═════ ENTRIES SUPPLIED

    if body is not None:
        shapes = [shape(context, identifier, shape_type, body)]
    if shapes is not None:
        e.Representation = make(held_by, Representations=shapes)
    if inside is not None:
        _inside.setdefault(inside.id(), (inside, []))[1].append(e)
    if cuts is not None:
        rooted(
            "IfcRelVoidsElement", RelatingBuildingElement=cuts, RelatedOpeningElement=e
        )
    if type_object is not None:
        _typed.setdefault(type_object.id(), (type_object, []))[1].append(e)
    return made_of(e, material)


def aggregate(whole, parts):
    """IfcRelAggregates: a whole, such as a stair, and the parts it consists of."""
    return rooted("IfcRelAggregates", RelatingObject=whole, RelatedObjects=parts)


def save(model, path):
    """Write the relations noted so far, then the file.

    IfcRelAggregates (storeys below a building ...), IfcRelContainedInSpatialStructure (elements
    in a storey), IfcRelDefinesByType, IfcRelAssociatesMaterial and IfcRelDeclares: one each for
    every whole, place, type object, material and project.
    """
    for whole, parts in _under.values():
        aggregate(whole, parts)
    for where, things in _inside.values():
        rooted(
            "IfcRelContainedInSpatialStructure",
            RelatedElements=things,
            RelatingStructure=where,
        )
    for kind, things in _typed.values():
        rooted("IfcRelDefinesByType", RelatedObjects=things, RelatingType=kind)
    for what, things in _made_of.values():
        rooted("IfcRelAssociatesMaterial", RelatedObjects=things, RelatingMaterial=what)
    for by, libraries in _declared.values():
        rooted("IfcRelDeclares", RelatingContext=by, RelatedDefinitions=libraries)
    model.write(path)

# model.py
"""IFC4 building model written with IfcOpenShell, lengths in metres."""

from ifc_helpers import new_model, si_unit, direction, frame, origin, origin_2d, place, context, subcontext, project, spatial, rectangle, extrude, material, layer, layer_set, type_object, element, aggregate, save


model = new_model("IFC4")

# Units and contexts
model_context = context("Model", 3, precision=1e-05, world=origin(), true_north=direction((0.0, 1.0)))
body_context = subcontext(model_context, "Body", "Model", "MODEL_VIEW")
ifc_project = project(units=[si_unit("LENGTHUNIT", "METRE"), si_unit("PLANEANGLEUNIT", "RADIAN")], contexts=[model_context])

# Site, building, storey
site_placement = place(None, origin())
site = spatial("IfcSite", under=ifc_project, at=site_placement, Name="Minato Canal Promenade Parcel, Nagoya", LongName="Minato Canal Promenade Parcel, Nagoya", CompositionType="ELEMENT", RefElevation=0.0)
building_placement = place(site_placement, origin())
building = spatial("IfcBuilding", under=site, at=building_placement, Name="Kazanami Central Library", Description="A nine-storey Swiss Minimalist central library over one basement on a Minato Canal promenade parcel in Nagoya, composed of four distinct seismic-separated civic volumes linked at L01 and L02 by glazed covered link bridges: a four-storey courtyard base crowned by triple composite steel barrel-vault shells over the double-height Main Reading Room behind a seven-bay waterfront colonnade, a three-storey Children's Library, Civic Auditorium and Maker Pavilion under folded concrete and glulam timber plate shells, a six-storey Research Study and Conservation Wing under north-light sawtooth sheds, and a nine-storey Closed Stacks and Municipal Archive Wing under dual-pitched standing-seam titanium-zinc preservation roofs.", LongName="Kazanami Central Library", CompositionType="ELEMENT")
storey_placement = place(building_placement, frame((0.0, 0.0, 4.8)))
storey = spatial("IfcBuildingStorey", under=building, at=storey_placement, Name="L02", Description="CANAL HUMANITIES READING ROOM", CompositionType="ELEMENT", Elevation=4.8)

══════════
═════ ENTRIES SUPPLIED

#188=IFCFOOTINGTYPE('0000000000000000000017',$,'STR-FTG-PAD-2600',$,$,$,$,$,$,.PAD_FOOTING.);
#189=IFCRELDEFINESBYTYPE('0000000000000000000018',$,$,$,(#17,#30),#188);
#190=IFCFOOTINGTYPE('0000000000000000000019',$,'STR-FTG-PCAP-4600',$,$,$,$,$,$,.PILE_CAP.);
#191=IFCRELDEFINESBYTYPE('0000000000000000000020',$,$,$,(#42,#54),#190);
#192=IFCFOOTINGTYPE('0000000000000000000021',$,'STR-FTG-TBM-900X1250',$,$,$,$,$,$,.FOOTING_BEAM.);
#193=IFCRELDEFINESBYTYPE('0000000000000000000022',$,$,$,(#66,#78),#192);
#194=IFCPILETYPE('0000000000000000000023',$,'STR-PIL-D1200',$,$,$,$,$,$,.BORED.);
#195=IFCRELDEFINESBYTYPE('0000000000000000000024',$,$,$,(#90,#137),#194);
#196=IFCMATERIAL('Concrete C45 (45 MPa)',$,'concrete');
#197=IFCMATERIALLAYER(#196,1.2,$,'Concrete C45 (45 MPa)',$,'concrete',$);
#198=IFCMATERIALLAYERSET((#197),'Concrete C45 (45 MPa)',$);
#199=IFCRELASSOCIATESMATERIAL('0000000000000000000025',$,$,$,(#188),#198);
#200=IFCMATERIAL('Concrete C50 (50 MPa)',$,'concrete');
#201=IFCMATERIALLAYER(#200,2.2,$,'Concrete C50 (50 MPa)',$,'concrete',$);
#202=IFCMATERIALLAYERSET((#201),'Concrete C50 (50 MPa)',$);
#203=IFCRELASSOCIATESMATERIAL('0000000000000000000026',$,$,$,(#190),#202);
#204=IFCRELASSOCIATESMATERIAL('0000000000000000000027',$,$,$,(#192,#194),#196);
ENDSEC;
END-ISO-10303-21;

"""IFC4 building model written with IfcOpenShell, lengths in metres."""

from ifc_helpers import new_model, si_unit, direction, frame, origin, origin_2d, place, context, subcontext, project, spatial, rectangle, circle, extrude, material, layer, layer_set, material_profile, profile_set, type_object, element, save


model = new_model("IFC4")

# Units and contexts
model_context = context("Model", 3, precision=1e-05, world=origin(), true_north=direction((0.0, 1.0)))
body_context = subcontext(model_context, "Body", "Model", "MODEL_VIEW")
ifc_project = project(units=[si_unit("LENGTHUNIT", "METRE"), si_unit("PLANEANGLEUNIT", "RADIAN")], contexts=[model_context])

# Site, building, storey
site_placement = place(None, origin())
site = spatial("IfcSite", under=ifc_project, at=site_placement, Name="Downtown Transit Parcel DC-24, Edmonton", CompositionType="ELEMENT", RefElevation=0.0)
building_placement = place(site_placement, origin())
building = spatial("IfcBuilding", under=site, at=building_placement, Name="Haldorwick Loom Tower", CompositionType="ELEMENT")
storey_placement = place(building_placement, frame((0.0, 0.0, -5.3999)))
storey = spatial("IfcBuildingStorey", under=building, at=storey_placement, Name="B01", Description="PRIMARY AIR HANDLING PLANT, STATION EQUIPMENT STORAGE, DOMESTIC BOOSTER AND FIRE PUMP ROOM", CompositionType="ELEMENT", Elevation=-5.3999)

══════════

WORK ORDER | Would you please write out, exactly and with no other lines, the stretch of the listing above from the line containing "shapes = [shape(context, identifier, shape_type, body)]" through the line containing "if type_object is"?

RESPONSE AREA |
        shapes = [shape(context, identifier, shape_type, body)]
    if shapes is not None:
        e.Representation = make(held_by, Representations=shapes)
    if inside is not None:
        _inside.setdefault(inside.id(), (inside, []))[1].append(e)
    if cuts is not None:
        rooted(
            "IfcRelVoidsElement", RelatingBuildingElement=cuts, RelatedOpeningElement=e
        )
    if type_object is not None:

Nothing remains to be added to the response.